Search the data for the word "EXIT". Reproduce every line where it is found.

Saved data entries:
::::::::::

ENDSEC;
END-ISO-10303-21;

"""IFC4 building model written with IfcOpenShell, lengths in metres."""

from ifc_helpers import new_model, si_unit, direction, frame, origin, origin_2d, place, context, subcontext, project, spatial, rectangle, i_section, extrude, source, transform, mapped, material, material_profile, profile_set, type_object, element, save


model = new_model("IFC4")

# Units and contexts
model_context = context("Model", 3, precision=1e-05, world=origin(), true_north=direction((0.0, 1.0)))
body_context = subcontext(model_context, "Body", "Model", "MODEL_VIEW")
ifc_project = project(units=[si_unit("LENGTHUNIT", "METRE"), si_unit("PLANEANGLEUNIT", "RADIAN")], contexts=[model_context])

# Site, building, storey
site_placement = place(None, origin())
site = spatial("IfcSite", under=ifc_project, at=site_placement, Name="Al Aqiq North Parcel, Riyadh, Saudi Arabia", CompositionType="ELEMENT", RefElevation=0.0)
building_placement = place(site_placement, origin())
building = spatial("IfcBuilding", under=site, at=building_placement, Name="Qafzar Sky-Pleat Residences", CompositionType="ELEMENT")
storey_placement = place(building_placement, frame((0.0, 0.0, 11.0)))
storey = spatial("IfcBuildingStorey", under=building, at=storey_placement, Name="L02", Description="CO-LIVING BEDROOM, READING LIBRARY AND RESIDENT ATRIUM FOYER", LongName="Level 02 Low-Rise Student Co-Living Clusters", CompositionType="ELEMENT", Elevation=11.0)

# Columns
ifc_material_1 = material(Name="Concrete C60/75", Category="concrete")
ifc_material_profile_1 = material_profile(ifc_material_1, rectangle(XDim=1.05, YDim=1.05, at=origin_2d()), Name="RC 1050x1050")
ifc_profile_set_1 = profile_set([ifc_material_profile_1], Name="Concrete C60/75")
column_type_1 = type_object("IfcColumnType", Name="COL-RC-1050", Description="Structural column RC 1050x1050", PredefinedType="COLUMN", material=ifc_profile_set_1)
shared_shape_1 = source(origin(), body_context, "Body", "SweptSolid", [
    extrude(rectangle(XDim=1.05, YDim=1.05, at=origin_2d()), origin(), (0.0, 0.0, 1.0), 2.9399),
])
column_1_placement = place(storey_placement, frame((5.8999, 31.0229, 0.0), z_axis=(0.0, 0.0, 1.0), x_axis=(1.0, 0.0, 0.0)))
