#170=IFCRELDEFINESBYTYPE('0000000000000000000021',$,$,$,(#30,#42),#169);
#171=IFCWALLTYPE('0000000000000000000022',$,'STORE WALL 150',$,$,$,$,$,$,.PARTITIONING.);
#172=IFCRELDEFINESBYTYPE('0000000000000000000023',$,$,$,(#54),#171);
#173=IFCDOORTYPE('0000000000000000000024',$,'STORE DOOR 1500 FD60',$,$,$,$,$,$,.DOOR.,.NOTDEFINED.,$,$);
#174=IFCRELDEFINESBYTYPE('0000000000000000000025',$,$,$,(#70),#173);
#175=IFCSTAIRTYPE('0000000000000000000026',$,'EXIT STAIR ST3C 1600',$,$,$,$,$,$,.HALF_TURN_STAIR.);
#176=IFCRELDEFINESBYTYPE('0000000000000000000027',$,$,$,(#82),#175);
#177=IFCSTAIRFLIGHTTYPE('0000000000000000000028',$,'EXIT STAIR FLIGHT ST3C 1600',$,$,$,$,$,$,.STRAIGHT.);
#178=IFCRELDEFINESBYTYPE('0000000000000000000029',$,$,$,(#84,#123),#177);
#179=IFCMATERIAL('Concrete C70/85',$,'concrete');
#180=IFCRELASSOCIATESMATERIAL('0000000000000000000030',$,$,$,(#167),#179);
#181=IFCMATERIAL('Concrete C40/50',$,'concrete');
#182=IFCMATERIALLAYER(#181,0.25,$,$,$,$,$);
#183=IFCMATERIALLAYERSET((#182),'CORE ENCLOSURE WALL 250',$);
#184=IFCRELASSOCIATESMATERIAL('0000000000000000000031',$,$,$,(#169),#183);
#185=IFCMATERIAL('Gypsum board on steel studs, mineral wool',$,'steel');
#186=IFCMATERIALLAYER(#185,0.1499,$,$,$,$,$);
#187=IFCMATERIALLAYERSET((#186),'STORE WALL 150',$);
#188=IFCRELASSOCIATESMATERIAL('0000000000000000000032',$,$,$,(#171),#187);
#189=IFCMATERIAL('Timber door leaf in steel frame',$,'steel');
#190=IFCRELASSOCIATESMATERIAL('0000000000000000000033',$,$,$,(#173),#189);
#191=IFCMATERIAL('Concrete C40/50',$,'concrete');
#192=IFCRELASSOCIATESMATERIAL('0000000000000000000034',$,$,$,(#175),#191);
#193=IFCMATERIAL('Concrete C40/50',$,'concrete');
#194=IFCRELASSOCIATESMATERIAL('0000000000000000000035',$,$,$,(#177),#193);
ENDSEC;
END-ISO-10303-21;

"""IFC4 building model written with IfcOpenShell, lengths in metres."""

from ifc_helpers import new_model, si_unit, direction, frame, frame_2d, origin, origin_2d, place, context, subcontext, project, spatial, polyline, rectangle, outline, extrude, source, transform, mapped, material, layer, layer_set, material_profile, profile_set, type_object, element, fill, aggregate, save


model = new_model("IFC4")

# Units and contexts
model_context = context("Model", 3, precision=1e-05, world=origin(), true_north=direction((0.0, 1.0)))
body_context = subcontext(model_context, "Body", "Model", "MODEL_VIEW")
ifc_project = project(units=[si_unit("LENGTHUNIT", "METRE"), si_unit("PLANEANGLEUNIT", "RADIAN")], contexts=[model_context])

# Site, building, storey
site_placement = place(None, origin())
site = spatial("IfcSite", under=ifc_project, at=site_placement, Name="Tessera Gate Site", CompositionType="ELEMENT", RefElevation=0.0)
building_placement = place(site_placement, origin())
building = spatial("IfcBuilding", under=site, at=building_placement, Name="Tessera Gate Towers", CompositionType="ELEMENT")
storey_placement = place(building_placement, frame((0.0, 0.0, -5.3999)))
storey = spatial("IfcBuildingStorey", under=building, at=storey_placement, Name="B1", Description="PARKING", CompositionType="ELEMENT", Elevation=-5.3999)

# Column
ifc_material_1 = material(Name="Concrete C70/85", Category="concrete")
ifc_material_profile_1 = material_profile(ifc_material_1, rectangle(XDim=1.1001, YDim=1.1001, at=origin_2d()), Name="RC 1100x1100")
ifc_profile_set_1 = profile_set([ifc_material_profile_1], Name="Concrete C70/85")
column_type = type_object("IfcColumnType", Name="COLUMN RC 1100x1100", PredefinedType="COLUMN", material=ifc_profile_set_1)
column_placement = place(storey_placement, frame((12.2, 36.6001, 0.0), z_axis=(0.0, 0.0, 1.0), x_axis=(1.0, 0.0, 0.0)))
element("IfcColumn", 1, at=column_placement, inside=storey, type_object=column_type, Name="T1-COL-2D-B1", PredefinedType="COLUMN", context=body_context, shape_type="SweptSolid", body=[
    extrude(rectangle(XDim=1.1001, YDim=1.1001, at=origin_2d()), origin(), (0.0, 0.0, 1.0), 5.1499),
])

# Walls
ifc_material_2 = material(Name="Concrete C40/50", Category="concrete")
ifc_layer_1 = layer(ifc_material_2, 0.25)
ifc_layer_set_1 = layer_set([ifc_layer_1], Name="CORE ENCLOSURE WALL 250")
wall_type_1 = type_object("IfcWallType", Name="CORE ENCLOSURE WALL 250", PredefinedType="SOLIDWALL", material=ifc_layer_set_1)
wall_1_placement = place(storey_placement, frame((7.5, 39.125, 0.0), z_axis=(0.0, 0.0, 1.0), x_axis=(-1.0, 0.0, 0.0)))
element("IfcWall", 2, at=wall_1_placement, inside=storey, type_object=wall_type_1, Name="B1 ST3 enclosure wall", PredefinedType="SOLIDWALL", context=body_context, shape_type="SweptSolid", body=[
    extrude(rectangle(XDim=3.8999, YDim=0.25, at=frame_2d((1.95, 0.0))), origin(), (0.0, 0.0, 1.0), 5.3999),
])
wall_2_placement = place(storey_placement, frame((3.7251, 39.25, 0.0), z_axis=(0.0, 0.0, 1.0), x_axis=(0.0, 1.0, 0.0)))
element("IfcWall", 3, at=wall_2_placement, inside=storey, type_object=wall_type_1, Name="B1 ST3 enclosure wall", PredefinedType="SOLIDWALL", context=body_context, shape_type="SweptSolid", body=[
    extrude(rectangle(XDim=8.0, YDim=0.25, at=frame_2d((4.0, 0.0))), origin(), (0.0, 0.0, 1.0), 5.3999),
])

::::::::::

» ANSWER TO THE EXERCISE:
#175=IFCSTAIRTYPE('0000000000000000000026',$,'EXIT STAIR ST3C 1600',$,$,$,$,$,$,.HALF_TURN_STAIR.);
#177=IFCSTAIRFLIGHTTYPE('0000000000000000000028',$,'EXIT STAIR FLIGHT ST3C 1600',$,$,$,$,$,$,.STRAIGHT.);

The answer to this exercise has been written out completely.